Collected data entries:
○ ○ ○ ○
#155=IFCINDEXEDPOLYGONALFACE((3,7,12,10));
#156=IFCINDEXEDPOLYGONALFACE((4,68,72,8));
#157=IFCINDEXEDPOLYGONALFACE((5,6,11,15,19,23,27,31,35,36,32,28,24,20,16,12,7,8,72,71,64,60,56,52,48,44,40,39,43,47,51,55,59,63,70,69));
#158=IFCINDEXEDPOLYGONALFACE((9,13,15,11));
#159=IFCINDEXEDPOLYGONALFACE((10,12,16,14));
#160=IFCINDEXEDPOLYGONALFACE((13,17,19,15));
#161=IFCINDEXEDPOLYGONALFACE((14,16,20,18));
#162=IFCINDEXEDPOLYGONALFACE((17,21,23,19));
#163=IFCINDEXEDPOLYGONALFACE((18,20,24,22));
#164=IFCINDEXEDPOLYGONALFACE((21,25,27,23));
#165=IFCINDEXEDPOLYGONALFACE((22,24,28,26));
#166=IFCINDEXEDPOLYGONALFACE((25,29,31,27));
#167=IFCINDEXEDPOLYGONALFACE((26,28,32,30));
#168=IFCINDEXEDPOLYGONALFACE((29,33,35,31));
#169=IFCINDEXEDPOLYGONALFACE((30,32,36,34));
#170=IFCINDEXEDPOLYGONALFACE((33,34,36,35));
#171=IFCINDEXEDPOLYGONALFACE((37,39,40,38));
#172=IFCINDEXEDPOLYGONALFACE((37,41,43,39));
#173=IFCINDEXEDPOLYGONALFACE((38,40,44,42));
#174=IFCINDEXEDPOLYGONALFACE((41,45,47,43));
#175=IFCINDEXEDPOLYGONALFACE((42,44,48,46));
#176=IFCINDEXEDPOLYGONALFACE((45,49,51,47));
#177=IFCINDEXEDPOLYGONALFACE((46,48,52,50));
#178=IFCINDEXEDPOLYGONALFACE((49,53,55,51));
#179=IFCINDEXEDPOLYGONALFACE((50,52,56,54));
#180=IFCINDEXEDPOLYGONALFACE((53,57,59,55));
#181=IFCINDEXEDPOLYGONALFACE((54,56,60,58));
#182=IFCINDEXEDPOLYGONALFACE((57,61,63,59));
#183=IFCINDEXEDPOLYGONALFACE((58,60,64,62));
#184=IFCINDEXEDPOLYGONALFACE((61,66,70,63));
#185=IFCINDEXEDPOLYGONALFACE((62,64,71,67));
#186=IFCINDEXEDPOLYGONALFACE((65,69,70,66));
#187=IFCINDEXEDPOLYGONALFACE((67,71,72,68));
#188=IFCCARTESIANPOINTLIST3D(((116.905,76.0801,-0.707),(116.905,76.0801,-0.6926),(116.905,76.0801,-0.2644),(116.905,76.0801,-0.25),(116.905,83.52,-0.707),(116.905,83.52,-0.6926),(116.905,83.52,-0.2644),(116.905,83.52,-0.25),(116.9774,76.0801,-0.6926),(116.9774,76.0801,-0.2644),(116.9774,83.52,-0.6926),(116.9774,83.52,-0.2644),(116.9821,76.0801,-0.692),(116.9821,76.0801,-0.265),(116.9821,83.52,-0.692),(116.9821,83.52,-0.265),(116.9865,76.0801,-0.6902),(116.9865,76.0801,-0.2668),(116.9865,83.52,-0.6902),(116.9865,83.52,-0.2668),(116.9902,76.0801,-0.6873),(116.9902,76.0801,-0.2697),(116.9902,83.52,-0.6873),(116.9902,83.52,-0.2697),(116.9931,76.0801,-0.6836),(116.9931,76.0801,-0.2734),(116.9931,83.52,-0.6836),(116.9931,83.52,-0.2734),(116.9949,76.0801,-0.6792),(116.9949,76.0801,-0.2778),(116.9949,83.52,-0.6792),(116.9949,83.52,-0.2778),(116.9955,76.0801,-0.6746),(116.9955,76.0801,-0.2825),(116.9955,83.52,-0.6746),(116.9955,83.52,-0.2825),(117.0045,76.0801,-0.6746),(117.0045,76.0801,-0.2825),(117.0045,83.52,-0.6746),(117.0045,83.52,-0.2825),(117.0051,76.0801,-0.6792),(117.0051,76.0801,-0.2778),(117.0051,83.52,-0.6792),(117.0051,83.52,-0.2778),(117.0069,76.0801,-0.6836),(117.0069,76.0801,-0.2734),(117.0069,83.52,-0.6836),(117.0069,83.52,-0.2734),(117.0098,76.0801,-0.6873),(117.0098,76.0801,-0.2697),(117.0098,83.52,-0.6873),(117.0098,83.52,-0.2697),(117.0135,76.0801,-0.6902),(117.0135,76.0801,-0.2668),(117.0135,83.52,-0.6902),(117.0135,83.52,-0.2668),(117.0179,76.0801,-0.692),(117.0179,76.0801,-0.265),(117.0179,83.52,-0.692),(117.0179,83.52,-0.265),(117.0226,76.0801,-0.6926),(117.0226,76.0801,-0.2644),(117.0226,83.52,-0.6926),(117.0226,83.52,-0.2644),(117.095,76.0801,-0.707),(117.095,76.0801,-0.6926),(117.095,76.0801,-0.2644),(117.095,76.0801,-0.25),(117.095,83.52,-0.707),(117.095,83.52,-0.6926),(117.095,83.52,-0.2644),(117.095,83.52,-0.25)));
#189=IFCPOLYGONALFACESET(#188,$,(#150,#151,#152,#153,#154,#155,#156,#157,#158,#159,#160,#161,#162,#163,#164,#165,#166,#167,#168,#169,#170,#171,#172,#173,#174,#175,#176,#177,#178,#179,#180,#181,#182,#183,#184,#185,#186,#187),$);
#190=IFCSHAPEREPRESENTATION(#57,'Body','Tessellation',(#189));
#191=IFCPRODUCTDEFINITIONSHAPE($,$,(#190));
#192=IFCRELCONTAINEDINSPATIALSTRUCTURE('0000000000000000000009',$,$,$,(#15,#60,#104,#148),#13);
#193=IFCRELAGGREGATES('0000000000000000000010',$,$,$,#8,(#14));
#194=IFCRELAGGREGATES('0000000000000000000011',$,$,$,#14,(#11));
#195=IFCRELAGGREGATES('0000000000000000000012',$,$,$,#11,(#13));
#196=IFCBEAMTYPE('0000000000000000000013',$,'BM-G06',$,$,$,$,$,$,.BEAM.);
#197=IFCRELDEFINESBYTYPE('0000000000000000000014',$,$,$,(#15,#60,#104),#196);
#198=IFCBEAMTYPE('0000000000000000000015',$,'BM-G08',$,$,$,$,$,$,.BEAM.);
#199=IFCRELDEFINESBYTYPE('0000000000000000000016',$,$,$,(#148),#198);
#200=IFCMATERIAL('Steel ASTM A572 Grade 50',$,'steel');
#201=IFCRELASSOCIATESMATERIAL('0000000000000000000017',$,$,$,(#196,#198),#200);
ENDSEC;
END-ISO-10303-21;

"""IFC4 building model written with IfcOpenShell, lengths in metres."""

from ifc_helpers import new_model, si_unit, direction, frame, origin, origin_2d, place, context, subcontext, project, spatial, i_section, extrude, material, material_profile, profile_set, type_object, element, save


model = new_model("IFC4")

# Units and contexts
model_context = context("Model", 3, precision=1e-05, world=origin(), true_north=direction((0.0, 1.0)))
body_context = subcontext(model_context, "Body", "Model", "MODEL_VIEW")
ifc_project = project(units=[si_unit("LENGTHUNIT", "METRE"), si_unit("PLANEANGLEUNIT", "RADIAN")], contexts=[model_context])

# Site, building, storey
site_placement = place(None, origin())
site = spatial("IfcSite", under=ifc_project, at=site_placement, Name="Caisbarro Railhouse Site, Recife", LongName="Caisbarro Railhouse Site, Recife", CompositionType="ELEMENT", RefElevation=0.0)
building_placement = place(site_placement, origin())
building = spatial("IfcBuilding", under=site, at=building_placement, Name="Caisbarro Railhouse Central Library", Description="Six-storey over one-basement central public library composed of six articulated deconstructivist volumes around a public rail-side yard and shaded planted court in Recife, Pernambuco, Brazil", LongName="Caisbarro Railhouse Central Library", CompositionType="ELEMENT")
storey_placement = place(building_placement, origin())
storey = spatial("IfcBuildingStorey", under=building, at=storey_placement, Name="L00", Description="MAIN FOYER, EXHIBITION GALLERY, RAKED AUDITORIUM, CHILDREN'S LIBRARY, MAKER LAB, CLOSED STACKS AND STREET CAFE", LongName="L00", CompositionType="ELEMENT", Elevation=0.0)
○ ○ ○ ○
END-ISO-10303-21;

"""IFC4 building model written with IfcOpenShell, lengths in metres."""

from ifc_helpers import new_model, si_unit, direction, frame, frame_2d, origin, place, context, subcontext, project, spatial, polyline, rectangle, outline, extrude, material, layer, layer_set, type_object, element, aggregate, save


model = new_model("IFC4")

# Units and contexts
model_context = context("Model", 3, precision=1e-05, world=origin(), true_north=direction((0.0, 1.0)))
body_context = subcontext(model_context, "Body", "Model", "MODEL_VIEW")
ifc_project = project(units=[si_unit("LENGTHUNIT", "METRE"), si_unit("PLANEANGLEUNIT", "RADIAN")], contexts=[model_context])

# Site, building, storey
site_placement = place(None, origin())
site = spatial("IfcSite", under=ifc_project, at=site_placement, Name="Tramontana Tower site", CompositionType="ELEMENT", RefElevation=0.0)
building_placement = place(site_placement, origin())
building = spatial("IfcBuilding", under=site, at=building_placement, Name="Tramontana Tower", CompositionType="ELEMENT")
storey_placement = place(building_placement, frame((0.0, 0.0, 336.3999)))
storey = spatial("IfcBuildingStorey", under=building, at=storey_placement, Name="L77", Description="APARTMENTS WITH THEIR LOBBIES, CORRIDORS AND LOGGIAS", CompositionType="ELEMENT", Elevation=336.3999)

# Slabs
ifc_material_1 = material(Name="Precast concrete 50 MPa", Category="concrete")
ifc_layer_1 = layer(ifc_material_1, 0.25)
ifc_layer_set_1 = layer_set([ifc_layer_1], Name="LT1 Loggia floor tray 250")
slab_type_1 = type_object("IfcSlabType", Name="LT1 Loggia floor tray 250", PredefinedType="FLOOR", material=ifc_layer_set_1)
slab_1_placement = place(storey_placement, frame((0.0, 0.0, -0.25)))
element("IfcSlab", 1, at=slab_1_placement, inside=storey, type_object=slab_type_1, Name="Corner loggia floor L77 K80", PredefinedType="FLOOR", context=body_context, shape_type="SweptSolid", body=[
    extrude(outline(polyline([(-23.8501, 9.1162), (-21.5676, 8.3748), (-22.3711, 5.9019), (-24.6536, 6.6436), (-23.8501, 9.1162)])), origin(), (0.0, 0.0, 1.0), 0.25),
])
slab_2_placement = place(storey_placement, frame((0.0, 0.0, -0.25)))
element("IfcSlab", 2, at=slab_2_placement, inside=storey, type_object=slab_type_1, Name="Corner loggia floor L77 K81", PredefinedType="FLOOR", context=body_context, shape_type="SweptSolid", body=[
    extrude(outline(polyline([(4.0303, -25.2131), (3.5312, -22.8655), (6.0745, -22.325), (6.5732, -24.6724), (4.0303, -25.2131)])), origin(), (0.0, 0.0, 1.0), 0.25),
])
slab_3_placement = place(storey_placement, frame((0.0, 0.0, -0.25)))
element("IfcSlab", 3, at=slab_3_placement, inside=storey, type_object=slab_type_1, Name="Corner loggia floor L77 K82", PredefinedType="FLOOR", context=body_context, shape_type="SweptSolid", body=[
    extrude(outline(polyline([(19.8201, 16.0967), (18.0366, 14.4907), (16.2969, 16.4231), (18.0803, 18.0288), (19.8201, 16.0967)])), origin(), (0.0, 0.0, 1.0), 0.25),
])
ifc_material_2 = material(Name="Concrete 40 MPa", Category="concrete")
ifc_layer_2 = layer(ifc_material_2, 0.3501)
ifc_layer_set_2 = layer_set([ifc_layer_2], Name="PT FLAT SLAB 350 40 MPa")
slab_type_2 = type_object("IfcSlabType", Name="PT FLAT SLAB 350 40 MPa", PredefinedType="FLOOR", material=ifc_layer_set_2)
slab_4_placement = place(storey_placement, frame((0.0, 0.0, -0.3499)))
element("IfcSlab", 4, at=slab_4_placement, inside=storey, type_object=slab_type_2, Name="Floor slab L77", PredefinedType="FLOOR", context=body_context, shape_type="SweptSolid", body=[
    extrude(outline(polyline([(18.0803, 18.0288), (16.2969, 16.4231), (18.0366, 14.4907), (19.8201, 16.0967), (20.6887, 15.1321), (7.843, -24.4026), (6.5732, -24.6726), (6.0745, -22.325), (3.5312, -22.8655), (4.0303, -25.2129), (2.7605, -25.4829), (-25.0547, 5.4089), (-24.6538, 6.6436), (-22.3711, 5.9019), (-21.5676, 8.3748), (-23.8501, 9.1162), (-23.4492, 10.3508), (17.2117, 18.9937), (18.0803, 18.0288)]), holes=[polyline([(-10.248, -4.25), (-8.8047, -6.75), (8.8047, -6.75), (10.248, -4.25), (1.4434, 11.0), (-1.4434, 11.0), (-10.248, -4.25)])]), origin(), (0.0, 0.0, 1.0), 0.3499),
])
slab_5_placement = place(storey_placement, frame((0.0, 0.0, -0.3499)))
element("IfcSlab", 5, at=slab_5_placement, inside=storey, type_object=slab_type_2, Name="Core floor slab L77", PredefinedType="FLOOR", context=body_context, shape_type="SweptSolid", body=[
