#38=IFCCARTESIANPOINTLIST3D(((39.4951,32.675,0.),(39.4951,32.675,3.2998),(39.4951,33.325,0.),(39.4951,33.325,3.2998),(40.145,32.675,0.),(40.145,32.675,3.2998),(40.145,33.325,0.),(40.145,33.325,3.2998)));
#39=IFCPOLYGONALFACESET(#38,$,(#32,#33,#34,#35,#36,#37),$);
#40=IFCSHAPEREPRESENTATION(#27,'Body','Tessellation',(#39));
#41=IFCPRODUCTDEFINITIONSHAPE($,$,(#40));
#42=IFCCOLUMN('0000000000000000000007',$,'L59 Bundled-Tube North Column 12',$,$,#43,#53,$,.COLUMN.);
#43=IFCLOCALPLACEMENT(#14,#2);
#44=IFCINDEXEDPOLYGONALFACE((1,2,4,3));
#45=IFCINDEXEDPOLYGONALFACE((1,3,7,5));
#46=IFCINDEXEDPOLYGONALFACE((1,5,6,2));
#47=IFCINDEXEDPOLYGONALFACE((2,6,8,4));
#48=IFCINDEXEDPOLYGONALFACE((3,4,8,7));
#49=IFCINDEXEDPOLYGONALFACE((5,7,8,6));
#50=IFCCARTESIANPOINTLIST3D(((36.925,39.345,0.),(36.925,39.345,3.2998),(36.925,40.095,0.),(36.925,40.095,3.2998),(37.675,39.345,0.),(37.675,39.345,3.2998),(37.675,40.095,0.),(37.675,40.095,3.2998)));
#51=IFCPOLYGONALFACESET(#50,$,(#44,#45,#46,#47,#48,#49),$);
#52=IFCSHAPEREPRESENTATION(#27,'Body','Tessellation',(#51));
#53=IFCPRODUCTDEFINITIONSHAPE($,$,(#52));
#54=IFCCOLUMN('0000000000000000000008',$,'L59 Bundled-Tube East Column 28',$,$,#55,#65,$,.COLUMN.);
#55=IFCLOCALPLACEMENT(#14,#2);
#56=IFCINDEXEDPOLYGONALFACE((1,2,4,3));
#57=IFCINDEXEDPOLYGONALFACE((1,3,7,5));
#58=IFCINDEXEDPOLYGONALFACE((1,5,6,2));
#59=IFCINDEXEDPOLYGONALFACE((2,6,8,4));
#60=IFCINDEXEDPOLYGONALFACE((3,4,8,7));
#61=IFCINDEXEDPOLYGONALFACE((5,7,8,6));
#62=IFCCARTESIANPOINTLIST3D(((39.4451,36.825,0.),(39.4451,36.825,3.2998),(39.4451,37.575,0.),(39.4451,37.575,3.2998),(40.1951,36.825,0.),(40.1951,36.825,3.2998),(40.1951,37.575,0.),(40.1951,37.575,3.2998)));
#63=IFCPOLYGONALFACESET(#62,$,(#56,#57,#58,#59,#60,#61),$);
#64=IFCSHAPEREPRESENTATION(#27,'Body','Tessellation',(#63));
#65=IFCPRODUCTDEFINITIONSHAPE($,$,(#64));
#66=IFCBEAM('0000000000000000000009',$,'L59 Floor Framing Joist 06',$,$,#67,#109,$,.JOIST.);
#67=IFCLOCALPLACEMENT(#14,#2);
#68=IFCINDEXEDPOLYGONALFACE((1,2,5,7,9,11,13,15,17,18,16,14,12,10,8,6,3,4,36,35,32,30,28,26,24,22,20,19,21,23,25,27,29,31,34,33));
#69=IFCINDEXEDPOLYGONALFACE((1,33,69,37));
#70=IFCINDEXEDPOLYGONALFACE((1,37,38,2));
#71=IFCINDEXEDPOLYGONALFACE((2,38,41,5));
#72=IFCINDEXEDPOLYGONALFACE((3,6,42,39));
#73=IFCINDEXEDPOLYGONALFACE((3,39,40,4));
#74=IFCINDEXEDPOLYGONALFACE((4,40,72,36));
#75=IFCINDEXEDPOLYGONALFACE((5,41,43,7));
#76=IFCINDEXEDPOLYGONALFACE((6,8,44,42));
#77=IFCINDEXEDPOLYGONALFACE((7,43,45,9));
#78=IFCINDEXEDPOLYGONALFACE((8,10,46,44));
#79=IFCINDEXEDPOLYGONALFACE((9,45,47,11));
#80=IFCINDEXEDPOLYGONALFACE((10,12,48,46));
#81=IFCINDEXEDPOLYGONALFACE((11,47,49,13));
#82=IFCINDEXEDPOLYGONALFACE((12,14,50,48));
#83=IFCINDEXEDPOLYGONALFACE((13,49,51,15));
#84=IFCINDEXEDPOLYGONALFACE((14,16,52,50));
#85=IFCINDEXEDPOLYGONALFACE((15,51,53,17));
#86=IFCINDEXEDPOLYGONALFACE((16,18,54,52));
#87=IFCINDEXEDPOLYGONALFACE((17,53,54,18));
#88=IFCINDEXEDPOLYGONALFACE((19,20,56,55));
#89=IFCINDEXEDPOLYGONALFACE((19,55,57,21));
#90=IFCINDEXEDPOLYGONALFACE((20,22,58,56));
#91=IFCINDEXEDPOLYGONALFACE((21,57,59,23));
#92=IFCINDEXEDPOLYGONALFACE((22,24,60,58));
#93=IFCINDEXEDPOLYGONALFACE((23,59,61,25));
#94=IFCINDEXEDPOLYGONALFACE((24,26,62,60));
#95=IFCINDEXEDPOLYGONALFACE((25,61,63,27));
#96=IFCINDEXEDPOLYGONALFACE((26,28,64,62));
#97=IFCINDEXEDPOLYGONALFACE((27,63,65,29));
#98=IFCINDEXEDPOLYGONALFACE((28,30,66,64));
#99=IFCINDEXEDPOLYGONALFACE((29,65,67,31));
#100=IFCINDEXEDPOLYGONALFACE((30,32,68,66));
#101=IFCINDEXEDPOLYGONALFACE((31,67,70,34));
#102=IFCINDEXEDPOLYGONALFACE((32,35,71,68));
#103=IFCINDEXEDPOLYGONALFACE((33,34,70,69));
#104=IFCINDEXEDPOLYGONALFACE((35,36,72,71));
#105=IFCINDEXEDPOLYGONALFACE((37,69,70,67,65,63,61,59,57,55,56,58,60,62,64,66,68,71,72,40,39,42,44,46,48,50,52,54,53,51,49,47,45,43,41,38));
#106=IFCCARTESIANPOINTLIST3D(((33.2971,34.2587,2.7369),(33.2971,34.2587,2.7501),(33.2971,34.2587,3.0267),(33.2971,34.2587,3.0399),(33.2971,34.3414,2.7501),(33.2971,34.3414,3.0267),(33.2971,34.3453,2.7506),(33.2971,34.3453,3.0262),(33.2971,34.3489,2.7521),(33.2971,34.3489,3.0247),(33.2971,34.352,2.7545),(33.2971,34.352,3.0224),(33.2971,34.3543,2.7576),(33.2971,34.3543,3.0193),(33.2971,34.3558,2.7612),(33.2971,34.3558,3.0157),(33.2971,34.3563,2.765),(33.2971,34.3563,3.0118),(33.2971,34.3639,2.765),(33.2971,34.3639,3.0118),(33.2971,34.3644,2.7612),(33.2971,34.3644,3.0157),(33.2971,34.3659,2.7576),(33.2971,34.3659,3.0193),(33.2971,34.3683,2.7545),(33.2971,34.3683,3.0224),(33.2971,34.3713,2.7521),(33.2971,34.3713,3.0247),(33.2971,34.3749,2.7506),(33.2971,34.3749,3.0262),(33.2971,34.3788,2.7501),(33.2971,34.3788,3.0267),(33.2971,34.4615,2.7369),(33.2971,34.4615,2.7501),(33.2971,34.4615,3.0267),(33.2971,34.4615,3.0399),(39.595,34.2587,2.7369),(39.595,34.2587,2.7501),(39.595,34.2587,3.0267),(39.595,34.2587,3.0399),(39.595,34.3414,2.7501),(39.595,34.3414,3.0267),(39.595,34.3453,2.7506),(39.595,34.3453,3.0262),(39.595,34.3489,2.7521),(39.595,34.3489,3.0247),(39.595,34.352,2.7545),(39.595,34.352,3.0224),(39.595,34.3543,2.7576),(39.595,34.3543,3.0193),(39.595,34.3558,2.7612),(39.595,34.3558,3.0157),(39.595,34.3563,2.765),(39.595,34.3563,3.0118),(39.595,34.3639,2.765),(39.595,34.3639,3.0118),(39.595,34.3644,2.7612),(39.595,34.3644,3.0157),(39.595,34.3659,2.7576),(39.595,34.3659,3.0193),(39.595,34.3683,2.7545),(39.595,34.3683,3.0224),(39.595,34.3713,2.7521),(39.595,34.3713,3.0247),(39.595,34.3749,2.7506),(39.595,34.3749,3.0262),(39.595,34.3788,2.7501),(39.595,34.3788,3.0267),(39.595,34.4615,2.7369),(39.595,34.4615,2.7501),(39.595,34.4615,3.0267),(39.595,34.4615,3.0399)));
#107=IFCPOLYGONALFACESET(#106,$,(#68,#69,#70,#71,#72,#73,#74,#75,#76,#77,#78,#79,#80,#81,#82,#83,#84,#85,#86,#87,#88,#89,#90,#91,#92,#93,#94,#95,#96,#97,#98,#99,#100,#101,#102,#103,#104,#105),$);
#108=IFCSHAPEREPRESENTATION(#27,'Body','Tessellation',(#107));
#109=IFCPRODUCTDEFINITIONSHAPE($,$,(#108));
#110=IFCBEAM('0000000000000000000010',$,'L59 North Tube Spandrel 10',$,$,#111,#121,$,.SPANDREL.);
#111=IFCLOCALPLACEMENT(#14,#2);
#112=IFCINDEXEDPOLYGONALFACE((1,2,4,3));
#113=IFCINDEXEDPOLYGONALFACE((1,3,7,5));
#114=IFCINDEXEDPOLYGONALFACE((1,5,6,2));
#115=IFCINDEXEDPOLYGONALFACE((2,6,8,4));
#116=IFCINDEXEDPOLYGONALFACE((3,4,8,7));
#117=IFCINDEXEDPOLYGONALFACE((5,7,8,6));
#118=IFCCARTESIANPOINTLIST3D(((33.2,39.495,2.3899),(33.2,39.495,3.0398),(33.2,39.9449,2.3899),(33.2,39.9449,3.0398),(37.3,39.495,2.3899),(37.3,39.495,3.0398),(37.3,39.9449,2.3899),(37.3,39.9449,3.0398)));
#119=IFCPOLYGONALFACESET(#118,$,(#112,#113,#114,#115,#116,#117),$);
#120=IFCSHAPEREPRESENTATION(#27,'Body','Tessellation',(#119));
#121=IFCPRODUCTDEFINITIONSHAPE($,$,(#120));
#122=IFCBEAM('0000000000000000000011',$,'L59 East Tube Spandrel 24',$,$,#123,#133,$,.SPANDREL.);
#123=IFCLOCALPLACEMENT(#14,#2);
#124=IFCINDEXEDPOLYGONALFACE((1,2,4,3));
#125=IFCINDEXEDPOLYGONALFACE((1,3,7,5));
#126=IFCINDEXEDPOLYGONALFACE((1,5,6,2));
○ ○ ○ ○
* Exercise goal: Please, from the entries above, set down exactly the lines from the one containing "#125=IFCINDEXEDPOLYGONALFACE((1,3,7,5));" through the one containing "#126=IFCINDEXEDPOLYGONALFACE((1,5,6,2));", and only those.

* Result of the task:
#125=IFCINDEXEDPOLYGONALFACE((1,3,7,5));
#126=IFCINDEXEDPOLYGONALFACE((1,5,6,2));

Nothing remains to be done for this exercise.